TASK TO CARRY OUT
Of all the lines below, output only those starting at the one with "#41=IFCINDEXEDPOLYGONALFACE((1,3,7,5));" and ending at the one with "#59=IFCPOLYGONALFACESET(#58,$,(#52,#53,#54,#55,#56,#57),$);", both ends included, exactly as written.

--- SUPPLIED DATA Enclosed Below ---

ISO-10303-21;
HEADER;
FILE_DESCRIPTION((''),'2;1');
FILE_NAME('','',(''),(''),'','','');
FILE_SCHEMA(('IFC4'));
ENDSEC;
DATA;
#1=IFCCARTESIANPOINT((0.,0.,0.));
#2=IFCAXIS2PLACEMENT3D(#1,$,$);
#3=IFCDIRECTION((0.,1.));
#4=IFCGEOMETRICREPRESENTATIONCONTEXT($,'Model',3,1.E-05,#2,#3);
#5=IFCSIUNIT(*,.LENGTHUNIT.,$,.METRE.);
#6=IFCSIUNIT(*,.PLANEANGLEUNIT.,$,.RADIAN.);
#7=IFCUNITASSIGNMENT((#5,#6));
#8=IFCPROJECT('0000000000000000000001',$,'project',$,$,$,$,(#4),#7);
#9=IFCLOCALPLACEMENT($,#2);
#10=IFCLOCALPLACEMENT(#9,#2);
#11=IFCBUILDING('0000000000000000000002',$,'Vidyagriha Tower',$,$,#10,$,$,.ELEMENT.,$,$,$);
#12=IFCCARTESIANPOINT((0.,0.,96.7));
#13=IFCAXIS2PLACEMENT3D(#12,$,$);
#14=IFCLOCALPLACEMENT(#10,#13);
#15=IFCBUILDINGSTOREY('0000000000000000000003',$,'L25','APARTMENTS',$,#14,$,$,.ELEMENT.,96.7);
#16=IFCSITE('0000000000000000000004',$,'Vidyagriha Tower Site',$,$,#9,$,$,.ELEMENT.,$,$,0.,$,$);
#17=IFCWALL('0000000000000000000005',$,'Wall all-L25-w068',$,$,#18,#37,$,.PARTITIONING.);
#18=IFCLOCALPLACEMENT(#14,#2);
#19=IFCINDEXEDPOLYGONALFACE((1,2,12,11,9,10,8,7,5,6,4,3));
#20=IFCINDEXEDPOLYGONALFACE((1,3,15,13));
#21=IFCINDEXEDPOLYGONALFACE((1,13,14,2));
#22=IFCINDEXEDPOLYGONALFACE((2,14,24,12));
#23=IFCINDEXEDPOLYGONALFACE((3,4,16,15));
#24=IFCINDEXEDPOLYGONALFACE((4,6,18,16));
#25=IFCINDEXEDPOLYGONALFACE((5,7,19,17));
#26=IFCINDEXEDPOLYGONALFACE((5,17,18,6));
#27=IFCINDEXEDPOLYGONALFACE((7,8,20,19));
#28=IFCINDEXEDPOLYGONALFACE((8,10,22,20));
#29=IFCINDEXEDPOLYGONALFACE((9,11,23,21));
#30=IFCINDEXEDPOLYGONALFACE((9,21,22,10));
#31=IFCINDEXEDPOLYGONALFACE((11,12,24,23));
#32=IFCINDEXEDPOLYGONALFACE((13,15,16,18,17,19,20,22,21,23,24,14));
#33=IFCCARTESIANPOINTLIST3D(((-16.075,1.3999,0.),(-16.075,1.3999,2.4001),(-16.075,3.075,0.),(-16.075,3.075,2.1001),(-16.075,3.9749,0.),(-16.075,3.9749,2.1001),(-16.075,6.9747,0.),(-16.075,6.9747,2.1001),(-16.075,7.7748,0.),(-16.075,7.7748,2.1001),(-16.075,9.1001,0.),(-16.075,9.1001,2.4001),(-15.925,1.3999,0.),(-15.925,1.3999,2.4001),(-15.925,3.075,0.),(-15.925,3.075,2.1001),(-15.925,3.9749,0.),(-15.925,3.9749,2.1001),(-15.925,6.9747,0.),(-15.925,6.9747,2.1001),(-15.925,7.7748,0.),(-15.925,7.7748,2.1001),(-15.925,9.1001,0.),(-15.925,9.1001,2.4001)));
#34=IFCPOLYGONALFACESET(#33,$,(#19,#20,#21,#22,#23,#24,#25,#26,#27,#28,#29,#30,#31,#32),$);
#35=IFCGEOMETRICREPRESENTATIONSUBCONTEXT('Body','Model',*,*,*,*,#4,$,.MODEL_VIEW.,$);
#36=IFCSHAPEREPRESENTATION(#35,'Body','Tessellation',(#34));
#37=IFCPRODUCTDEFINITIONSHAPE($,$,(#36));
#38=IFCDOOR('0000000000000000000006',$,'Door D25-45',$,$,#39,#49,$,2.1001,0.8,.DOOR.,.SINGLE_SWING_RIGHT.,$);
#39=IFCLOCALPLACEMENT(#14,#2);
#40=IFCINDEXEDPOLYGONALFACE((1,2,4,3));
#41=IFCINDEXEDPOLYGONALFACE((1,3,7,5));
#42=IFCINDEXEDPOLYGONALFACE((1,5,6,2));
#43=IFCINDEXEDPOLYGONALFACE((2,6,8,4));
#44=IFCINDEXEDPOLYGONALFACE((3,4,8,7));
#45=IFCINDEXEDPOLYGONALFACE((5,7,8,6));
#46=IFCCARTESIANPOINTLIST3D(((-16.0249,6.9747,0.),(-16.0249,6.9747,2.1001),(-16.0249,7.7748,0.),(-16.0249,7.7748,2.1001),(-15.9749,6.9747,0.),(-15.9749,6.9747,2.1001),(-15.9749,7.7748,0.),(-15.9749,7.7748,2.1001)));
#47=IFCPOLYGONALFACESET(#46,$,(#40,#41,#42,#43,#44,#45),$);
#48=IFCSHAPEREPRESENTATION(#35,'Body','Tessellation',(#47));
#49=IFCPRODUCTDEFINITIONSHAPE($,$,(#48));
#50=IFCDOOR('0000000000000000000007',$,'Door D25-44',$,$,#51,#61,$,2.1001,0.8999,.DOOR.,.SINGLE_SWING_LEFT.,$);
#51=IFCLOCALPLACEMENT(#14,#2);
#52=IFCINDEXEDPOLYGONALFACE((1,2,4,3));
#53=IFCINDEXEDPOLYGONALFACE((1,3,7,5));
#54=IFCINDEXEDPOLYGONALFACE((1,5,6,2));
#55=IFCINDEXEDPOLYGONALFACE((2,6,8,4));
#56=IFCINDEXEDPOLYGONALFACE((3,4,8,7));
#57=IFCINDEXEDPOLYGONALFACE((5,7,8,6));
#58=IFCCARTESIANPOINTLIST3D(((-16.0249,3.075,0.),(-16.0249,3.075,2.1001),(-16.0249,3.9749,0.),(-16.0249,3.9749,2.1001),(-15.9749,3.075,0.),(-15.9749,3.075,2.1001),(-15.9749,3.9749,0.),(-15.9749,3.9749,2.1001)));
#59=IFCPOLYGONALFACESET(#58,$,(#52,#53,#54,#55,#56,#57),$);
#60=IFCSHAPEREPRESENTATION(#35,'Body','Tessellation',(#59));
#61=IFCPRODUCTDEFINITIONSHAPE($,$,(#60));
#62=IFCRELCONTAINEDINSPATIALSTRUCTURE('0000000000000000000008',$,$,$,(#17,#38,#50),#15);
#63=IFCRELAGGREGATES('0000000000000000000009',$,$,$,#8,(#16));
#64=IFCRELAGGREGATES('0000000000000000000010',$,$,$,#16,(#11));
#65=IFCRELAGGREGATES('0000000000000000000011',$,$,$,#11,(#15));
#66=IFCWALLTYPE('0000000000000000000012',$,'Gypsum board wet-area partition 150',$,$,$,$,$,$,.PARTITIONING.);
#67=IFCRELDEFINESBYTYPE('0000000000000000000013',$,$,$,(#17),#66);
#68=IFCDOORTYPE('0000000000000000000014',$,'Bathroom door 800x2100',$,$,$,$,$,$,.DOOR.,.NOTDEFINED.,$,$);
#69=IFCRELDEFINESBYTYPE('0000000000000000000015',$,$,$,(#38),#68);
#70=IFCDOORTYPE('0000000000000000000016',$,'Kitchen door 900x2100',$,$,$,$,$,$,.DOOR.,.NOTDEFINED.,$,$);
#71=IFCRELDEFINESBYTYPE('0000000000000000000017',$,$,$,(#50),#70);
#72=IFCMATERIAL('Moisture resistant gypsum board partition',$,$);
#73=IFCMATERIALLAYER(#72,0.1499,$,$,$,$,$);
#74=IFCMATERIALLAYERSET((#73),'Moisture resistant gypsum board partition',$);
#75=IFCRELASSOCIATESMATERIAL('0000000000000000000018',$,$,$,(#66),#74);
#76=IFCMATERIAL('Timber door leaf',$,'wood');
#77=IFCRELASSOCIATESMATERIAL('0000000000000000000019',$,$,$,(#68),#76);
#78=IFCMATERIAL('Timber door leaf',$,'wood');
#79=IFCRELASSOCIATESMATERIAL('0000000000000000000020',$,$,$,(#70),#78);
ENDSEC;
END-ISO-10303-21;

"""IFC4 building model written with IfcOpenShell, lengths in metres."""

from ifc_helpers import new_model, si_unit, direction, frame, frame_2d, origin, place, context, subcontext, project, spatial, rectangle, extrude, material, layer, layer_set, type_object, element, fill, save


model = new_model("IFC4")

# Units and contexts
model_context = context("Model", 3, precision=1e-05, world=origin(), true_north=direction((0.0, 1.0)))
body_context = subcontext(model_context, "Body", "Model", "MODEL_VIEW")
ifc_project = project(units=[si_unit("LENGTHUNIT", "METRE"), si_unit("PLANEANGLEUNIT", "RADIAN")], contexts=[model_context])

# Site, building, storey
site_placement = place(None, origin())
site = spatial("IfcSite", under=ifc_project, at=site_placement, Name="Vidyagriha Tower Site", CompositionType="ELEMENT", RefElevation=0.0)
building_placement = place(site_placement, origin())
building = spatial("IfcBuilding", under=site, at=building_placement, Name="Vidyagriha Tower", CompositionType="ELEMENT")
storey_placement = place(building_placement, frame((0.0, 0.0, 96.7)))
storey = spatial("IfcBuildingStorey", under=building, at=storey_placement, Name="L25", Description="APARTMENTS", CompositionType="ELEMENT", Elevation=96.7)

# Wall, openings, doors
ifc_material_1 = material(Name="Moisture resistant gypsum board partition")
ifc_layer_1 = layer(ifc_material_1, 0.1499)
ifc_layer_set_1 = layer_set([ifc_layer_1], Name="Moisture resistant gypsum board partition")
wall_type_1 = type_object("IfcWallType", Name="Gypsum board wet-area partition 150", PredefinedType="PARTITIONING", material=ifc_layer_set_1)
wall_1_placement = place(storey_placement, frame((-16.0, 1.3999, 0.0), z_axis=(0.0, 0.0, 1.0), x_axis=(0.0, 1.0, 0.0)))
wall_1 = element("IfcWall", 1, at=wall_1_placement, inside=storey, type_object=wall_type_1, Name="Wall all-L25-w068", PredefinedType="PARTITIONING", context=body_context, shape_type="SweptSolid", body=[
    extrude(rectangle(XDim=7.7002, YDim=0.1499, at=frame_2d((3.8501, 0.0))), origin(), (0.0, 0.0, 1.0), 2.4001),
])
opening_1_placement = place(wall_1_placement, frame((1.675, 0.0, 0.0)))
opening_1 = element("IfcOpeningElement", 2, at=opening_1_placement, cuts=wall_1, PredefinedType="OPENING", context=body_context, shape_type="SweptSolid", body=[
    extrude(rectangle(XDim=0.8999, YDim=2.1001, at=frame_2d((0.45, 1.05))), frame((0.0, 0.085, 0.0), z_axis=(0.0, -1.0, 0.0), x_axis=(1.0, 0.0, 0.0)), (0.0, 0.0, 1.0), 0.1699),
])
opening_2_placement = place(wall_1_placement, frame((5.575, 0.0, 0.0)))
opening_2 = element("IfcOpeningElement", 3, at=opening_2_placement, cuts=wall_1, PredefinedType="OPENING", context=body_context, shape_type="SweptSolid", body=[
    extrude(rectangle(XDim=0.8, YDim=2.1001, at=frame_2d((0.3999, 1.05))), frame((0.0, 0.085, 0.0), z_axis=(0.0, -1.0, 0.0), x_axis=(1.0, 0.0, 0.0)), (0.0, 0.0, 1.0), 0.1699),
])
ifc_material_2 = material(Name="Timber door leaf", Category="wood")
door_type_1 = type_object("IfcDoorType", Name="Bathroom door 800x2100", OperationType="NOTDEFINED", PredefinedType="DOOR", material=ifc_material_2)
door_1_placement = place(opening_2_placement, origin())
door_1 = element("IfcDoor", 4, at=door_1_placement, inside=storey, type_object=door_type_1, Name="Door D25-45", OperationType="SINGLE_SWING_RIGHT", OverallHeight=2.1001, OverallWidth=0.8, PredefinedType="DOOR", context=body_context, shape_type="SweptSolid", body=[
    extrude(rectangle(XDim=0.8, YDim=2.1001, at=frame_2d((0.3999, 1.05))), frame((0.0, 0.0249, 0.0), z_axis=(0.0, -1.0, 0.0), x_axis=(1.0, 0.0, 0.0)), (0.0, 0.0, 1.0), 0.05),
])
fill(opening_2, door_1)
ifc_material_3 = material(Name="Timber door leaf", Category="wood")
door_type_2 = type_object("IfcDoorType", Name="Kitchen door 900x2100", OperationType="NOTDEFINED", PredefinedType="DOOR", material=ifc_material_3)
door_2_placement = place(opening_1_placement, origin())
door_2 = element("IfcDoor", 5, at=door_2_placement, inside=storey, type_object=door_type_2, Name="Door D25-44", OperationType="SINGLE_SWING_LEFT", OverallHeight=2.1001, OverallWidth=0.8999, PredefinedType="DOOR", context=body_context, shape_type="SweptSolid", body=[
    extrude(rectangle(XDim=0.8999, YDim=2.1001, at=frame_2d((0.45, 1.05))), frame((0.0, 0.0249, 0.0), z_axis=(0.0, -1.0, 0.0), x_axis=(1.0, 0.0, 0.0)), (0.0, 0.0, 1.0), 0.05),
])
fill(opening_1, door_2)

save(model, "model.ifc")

--- End of Enclosed SUPPLIED DATA ---
--- SUPPLIED DATA Enclosed Below ---

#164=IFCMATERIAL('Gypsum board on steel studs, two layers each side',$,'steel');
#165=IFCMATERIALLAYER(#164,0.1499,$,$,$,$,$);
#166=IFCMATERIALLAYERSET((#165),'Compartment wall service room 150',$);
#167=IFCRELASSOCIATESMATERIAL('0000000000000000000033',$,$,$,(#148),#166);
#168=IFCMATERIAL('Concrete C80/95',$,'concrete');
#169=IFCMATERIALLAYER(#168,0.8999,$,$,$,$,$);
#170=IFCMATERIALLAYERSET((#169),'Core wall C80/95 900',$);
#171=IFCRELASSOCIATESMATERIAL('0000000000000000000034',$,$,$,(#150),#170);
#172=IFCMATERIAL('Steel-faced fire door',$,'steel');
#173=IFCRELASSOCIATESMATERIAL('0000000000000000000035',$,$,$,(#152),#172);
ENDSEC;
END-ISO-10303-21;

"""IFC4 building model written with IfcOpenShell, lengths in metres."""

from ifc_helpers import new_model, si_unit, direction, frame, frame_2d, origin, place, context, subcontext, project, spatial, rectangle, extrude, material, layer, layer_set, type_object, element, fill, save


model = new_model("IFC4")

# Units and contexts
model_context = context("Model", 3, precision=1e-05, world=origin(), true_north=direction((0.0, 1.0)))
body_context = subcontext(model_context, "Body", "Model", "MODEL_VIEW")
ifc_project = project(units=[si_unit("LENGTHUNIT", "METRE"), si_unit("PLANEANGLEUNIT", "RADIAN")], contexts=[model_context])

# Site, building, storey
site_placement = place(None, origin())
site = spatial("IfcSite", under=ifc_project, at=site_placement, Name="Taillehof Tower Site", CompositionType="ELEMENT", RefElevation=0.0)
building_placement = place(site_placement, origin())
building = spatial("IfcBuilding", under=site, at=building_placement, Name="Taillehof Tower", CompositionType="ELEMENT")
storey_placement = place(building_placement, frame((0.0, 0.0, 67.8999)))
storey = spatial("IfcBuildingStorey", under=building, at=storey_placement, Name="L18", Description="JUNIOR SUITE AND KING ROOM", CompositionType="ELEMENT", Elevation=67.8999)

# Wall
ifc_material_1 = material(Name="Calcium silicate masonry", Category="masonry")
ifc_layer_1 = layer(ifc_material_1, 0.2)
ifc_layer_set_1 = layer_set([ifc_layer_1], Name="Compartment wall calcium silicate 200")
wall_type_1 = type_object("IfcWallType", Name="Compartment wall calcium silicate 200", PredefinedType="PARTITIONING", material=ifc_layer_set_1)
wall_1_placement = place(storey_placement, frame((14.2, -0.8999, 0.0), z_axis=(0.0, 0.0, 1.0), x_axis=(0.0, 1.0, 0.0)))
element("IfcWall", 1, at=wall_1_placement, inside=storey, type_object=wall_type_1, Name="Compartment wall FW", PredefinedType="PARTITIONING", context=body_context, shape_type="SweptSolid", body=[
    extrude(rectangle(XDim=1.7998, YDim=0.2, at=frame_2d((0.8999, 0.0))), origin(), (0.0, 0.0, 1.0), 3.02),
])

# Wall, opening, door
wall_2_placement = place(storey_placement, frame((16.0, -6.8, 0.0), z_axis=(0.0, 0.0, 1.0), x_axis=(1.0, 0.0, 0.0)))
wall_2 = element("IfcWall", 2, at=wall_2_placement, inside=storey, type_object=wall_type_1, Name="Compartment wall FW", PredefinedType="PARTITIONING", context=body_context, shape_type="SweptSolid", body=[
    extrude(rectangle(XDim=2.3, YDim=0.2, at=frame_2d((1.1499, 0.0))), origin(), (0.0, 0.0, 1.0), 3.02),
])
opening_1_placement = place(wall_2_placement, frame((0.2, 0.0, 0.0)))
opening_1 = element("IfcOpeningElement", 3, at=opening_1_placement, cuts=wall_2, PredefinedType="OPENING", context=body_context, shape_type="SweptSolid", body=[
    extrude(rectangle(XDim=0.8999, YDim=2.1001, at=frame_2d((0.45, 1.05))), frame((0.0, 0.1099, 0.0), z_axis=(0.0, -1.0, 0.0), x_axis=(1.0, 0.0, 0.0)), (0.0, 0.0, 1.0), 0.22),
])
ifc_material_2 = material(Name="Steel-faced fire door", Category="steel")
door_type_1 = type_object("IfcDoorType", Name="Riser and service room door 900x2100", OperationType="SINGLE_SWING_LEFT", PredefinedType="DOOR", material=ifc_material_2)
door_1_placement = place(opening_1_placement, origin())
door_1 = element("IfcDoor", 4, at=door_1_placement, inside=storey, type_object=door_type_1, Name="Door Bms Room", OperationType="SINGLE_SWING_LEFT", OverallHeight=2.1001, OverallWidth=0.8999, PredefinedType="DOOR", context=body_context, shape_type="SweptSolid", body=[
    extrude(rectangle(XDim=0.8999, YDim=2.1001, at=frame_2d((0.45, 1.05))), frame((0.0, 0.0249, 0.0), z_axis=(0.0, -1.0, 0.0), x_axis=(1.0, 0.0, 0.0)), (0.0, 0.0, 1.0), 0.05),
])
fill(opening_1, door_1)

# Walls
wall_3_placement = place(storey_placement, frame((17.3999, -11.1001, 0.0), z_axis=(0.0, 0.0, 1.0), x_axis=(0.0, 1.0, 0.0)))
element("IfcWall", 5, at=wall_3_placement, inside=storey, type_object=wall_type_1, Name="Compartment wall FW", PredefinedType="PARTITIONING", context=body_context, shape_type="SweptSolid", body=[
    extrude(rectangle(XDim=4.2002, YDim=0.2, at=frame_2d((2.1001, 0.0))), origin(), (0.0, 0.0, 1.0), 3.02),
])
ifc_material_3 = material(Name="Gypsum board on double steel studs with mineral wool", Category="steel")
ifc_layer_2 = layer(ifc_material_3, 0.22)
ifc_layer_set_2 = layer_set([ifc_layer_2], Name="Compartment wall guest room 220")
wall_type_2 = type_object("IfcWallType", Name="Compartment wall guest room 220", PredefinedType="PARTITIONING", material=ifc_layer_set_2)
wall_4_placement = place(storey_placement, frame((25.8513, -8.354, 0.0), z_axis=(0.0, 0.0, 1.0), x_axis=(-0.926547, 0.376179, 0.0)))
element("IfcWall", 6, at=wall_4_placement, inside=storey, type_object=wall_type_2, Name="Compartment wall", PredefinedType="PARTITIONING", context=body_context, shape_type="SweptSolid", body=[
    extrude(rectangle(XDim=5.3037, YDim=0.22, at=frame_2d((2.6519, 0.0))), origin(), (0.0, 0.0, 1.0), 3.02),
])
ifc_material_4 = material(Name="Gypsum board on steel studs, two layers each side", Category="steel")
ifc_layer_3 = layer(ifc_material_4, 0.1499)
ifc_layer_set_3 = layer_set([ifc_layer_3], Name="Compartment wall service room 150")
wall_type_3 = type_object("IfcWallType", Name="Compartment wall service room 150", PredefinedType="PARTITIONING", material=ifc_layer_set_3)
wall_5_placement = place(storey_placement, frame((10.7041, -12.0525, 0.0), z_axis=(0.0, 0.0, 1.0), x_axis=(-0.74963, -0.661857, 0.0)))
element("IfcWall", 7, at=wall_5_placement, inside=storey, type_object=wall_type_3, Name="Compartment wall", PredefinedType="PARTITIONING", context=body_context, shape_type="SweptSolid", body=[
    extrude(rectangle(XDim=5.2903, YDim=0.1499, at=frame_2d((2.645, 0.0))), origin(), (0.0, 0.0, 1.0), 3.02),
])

--- End of Enclosed SUPPLIED DATA ---
--- SUPPLIED DATA Enclosed Below ---

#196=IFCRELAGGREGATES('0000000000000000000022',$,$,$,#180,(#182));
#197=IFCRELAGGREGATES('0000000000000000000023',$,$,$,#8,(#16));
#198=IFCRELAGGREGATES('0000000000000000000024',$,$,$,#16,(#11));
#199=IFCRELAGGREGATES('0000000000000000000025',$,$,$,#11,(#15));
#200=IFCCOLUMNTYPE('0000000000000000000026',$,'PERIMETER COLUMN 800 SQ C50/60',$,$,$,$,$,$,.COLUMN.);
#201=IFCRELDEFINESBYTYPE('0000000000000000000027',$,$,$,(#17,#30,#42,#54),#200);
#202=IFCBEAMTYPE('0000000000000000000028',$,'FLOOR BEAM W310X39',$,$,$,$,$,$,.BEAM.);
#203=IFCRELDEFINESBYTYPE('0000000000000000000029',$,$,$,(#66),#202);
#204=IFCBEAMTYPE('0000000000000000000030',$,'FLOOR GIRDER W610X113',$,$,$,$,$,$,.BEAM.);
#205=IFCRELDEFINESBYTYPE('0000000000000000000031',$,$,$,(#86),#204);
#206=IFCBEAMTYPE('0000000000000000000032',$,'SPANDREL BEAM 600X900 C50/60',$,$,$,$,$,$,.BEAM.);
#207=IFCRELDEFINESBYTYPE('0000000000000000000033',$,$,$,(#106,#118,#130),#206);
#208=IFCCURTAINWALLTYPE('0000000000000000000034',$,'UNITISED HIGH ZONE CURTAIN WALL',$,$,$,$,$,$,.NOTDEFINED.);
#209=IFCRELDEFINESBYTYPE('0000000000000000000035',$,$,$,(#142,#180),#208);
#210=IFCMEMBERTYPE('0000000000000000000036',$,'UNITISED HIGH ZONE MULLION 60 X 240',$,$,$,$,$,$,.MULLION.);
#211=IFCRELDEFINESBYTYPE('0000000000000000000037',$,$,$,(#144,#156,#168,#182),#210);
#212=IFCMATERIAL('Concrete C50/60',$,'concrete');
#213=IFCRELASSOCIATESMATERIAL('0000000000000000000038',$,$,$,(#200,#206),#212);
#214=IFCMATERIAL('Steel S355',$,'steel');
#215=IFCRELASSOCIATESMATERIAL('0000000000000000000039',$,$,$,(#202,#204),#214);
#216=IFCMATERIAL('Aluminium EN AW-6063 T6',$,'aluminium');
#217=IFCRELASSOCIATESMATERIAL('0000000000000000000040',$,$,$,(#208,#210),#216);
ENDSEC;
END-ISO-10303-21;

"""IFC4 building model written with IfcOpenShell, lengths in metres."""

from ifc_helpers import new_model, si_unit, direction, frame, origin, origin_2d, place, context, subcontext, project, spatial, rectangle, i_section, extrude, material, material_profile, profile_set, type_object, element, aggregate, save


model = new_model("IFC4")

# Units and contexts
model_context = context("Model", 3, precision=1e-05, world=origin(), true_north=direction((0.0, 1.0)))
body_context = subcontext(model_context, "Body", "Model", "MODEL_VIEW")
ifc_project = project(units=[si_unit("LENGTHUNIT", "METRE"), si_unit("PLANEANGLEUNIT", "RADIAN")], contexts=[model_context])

--- End of Enclosed SUPPLIED DATA ---

ANSWER TO THE EXERCISE
#41=IFCINDEXEDPOLYGONALFACE((1,3,7,5));
#42=IFCINDEXEDPOLYGONALFACE((1,5,6,2));
#43=IFCINDEXEDPOLYGONALFACE((2,6,8,4));
#44=IFCINDEXEDPOLYGONALFACE((3,4,8,7));
#45=IFCINDEXEDPOLYGONALFACE((5,7,8,6));
#46=IFCCARTESIANPOINTLIST3D(((-16.0249,6.9747,0.),(-16.0249,6.9747,2.1001),(-16.0249,7.7748,0.),(-16.0249,7.7748,2.1001),(-15.9749,6.9747,0.),(-15.9749,6.9747,2.1001),(-15.9749,7.7748,0.),(-15.9749,7.7748,2.1001)));
#47=IFCPOLYGONALFACESET(#46,$,(#40,#41,#42,#43,#44,#45),$);
#48=IFCSHAPEREPRESENTATION(#35,'Body','Tessellation',(#47));
#49=IFCPRODUCTDEFINITIONSHAPE($,$,(#48));
#50=IFCDOOR('0000000000000000000007',$,'Door D25-44',$,$,#51,#61,$,2.1001,0.8999,.DOOR.,.SINGLE_SWING_LEFT.,$);
#51=IFCLOCALPLACEMENT(#14,#2);
#52=IFCINDEXEDPOLYGONALFACE((1,2,4,3));
#53=IFCINDEXEDPOLYGONALFACE((1,3,7,5));
#54=IFCINDEXEDPOLYGONALFACE((1,5,6,2));
#55=IFCINDEXEDPOLYGONALFACE((2,6,8,4));
#56=IFCINDEXEDPOLYGONALFACE((3,4,8,7));
#57=IFCINDEXEDPOLYGONALFACE((5,7,8,6));
#58=IFCCARTESIANPOINTLIST3D(((-16.0249,3.075,0.),(-16.0249,3.075,2.1001),(-16.0249,3.9749,0.),(-16.0249,3.9749,2.1001),(-15.9749,3.075,0.),(-15.9749,3.075,2.1001),(-15.9749,3.9749,0.),(-15.9749,3.9749,2.1001)));
#59=IFCPOLYGONALFACESET(#58,$,(#52,#53,#54,#55,#56,#57),$);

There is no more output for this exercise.